**TASK TO CARRY OUT**
Copy every record below exactly as it stands.

Collected data:
______________________________
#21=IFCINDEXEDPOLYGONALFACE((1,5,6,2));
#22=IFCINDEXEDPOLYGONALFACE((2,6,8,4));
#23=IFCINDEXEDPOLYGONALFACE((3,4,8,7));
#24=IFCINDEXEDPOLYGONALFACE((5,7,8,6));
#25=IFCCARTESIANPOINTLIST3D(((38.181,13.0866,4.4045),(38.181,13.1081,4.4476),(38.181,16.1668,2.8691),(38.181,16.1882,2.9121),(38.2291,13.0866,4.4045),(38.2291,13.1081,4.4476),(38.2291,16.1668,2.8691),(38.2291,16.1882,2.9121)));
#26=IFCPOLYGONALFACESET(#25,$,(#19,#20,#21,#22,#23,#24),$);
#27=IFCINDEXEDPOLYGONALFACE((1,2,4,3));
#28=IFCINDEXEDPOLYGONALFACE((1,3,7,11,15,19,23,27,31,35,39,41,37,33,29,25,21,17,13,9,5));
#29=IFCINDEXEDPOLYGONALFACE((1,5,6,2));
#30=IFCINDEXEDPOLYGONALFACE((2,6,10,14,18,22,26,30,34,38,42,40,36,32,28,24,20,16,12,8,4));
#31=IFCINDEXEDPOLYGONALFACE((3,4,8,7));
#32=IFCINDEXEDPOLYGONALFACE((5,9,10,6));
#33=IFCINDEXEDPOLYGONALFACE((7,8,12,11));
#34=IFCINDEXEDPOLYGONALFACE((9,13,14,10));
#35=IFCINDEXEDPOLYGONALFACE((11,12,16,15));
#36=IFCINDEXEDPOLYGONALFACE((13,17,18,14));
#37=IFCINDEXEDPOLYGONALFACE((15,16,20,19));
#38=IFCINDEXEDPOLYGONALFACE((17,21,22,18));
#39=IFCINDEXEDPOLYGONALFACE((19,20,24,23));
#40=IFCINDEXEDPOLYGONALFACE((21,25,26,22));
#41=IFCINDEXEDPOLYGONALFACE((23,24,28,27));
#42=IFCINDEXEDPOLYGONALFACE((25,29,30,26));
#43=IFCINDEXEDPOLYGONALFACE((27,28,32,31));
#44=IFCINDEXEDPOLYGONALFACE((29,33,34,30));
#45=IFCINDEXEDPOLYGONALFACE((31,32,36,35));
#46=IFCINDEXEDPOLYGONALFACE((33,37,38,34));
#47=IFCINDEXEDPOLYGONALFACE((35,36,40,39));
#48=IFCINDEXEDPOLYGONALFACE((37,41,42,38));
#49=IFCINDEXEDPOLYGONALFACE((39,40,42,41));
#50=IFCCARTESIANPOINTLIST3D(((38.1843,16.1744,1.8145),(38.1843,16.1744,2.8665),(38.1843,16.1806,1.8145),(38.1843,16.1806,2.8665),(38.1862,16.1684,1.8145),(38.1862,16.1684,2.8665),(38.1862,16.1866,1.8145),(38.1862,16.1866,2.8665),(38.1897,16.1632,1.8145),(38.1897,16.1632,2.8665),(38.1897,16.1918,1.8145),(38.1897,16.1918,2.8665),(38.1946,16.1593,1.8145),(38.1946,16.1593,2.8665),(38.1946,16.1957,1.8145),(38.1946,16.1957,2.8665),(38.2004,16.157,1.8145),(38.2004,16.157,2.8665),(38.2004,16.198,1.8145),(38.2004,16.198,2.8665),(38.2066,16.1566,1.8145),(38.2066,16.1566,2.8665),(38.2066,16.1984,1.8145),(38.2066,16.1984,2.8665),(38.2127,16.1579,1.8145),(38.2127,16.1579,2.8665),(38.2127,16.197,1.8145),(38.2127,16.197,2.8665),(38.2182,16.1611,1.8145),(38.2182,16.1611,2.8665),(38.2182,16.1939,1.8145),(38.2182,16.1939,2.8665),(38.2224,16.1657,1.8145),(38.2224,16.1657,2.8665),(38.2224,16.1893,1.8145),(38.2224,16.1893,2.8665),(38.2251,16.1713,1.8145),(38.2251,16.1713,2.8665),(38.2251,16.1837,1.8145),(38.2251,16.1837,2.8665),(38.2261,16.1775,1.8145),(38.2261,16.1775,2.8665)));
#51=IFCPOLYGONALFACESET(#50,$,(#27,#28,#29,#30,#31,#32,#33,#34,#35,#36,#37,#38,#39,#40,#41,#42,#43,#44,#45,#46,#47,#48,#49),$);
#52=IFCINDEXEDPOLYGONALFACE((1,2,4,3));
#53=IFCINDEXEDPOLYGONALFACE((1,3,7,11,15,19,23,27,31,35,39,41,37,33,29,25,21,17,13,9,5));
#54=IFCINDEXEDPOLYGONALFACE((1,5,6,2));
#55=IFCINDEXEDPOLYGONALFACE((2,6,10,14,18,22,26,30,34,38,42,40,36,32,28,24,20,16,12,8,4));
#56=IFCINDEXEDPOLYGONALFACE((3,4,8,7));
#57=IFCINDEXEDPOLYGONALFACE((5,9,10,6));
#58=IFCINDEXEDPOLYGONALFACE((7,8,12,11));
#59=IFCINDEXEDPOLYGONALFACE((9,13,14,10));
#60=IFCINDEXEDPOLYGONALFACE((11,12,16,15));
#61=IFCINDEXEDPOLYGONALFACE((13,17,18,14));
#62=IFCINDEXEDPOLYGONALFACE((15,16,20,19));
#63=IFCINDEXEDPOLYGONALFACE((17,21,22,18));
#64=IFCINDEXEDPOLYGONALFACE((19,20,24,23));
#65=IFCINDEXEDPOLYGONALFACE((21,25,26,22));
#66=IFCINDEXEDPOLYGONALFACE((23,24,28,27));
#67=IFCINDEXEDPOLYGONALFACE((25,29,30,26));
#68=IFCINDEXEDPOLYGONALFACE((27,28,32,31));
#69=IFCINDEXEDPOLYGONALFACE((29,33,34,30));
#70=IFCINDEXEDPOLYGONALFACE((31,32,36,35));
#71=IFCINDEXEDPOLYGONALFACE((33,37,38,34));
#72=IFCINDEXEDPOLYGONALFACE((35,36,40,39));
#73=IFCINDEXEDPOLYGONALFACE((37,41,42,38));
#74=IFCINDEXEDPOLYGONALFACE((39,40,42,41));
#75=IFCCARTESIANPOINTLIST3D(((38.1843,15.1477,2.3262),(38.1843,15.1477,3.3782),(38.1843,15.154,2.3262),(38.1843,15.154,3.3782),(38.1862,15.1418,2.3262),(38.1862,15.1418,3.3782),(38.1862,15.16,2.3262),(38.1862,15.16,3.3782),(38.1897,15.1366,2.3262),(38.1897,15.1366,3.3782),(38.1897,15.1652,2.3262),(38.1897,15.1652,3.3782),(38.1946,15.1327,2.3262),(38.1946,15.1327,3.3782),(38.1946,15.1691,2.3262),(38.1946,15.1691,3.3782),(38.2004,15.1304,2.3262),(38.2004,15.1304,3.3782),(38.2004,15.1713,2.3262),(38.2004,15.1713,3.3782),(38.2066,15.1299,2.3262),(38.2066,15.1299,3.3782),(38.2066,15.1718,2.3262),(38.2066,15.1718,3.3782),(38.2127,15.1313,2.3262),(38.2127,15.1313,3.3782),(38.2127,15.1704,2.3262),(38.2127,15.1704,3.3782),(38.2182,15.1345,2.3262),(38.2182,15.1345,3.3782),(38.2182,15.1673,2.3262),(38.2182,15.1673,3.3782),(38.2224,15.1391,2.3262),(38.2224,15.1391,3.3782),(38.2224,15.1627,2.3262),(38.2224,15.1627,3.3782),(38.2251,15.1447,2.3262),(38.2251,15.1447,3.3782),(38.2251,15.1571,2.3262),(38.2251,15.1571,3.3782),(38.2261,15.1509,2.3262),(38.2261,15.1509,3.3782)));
______________________________
**RESULT OF THIS TASK**
#21=IFCINDEXEDPOLYGONALFACE((1,5,6,2));
#22=IFCINDEXEDPOLYGONALFACE((2,6,8,4));
#23=IFCINDEXEDPOLYGONALFACE((3,4,8,7));
#24=IFCINDEXEDPOLYGONALFACE((5,7,8,6));
#25=IFCCARTESIANPOINTLIST3D(((38.181,13.0866,4.4045),(38.181,13.1081,4.4476),(38.181,16.1668,2.8691),(38.181,16.1882,2.9121),(38.2291,13.0866,4.4045),(38.2291,13.1081,4.4476),(38.2291,16.1668,2.8691),(38.2291,16.1882,2.9121)));
#26=IFCPOLYGONALFACESET(#25,$,(#19,#20,#21,#22,#23,#24),$);
#27=IFCINDEXEDPOLYGONALFACE((1,2,4,3));
#28=IFCINDEXEDPOLYGONALFACE((1,3,7,11,15,19,23,27,31,35,39,41,37,33,29,25,21,17,13,9,5));
#29=IFCINDEXEDPOLYGONALFACE((1,5,6,2));
#30=IFCINDEXEDPOLYGONALFACE((2,6,10,14,18,22,26,30,34,38,42,40,36,32,28,24,20,16,12,8,4));
#31=IFCINDEXEDPOLYGONALFACE((3,4,8,7));
#32=IFCINDEXEDPOLYGONALFACE((5,9,10,6));
#33=IFCINDEXEDPOLYGONALFACE((7,8,12,11));
#34=IFCINDEXEDPOLYGONALFACE((9,13,14,10));
#35=IFCINDEXEDPOLYGONALFACE((11,12,16,15));
#36=IFCINDEXEDPOLYGONALFACE((13,17,18,14));
#37=IFCINDEXEDPOLYGONALFACE((15,16,20,19));
#38=IFCINDEXEDPOLYGONALFACE((17,21,22,18));
#39=IFCINDEXEDPOLYGONALFACE((19,20,24,23));
#40=IFCINDEXEDPOLYGONALFACE((21,25,26,22));
#41=IFCINDEXEDPOLYGONALFACE((23,24,28,27));
#42=IFCINDEXEDPOLYGONALFACE((25,29,30,26));
#43=IFCINDEXEDPOLYGONALFACE((27,28,32,31));
#44=IFCINDEXEDPOLYGONALFACE((29,33,34,30));
#45=IFCINDEXEDPOLYGONALFACE((31,32,36,35));
#46=IFCINDEXEDPOLYGONALFACE((33,37,38,34));
#47=IFCINDEXEDPOLYGONALFACE((35,36,40,39));
#48=IFCINDEXEDPOLYGONALFACE((37,41,42,38));
#49=IFCINDEXEDPOLYGONALFACE((39,40,42,41));
#50=IFCCARTESIANPOINTLIST3D(((38.1843,16.1744,1.8145),(38.1843,16.1744,2.8665),(38.1843,16.1806,1.8145),(38.1843,16.1806,2.8665),(38.1862,16.1684,1.8145),(38.1862,16.1684,2.8665),(38.1862,16.1866,1.8145),(38.1862,16.1866,2.8665),(38.1897,16.1632,1.8145),(38.1897,16.1632,2.8665),(38.1897,16.1918,1.8145),(38.1897,16.1918,2.8665),(38.1946,16.1593,1.8145),(38.1946,16.1593,2.8665),(38.1946,16.1957,1.8145),(38.1946,16.1957,2.8665),(38.2004,16.157,1.8145),(38.2004,16.157,2.8665),(38.2004,16.198,1.8145),(38.2004,16.198,2.8665),(38.2066,16.1566,1.8145),(38.2066,16.1566,2.8665),(38.2066,16.1984,1.8145),(38.2066,16.1984,2.8665),(38.2127,16.1579,1.8145),(38.2127,16.1579,2.8665),(38.2127,16.197,1.8145),(38.2127,16.197,2.8665),(38.2182,16.1611,1.8145),(38.2182,16.1611,2.8665),(38.2182,16.1939,1.8145),(38.2182,16.1939,2.8665),(38.2224,16.1657,1.8145),(38.2224,16.1657,2.8665),(38.2224,16.1893,1.8145),(38.2224,16.1893,2.8665),(38.2251,16.1713,1.8145),(38.2251,16.1713,2.8665),(38.2251,16.1837,1.8145),(38.2251,16.1837,2.8665),(38.2261,16.1775,1.8145),(38.2261,16.1775,2.8665)));
#51=IFCPOLYGONALFACESET(#50,$,(#27,#28,#29,#30,#31,#32,#33,#34,#35,#36,#37,#38,#39,#40,#41,#42,#43,#44,#45,#46,#47,#48,#49),$);
#52=IFCINDEXEDPOLYGONALFACE((1,2,4,3));
#53=IFCINDEXEDPOLYGONALFACE((1,3,7,11,15,19,23,27,31,35,39,41,37,33,29,25,21,17,13,9,5));
#54=IFCINDEXEDPOLYGONALFACE((1,5,6,2));
#55=IFCINDEXEDPOLYGONALFACE((2,6,10,14,18,22,26,30,34,38,42,40,36,32,28,24,20,16,12,8,4));
#56=IFCINDEXEDPOLYGONALFACE((3,4,8,7));
#57=IFCINDEXEDPOLYGONALFACE((5,9,10,6));
#58=IFCINDEXEDPOLYGONALFACE((7,8,12,11));
#59=IFCINDEXEDPOLYGONALFACE((9,13,14,10));
#60=IFCINDEXEDPOLYGONALFACE((11,12,16,15));
#61=IFCINDEXEDPOLYGONALFACE((13,17,18,14));
#62=IFCINDEXEDPOLYGONALFACE((15,16,20,19));
#63=IFCINDEXEDPOLYGONALFACE((17,21,22,18));
#64=IFCINDEXEDPOLYGONALFACE((19,20,24,23));
#65=IFCINDEXEDPOLYGONALFACE((21,25,26,22));
#66=IFCINDEXEDPOLYGONALFACE((23,24,28,27));
#67=IFCINDEXEDPOLYGONALFACE((25,29,30,26));
#68=IFCINDEXEDPOLYGONALFACE((27,28,32,31));
#69=IFCINDEXEDPOLYGONALFACE((29,33,34,30));
#70=IFCINDEXEDPOLYGONALFACE((31,32,36,35));
#71=IFCINDEXEDPOLYGONALFACE((33,37,38,34));
#72=IFCINDEXEDPOLYGONALFACE((35,36,40,39));
#73=IFCINDEXEDPOLYGONALFACE((37,41,42,38));
#74=IFCINDEXEDPOLYGONALFACE((39,40,42,41));
#75=IFCCARTESIANPOINTLIST3D(((38.1843,15.1477,2.3262),(38.1843,15.1477,3.3782),(38.1843,15.154,2.3262),(38.1843,15.154,3.3782),(38.1862,15.1418,2.3262),(38.1862,15.1418,3.3782),(38.1862,15.16,2.3262),(38.1862,15.16,3.3782),(38.1897,15.1366,2.3262),(38.1897,15.1366,3.3782),(38.1897,15.1652,2.3262),(38.1897,15.1652,3.3782),(38.1946,15.1327,2.3262),(38.1946,15.1327,3.3782),(38.1946,15.1691,2.3262),(38.1946,15.1691,3.3782),(38.2004,15.1304,2.3262),(38.2004,15.1304,3.3782),(38.2004,15.1713,2.3262),(38.2004,15.1713,3.3782),(38.2066,15.1299,2.3262),(38.2066,15.1299,3.3782),(38.2066,15.1718,2.3262),(38.2066,15.1718,3.3782),(38.2127,15.1313,2.3262),(38.2127,15.1313,3.3782),(38.2127,15.1704,2.3262),(38.2127,15.1704,3.3782),(38.2182,15.1345,2.3262),(38.2182,15.1345,3.3782),(38.2182,15.1673,2.3262),(38.2182,15.1673,3.3782),(38.2224,15.1391,2.3262),(38.2224,15.1391,3.3782),(38.2224,15.1627,2.3262),(38.2224,15.1627,3.3782),(38.2251,15.1447,2.3262),(38.2251,15.1447,3.3782),(38.2251,15.1571,2.3262),(38.2251,15.1571,3.3782),(38.2261,15.1509,2.3262),(38.2261,15.1509,3.3782)));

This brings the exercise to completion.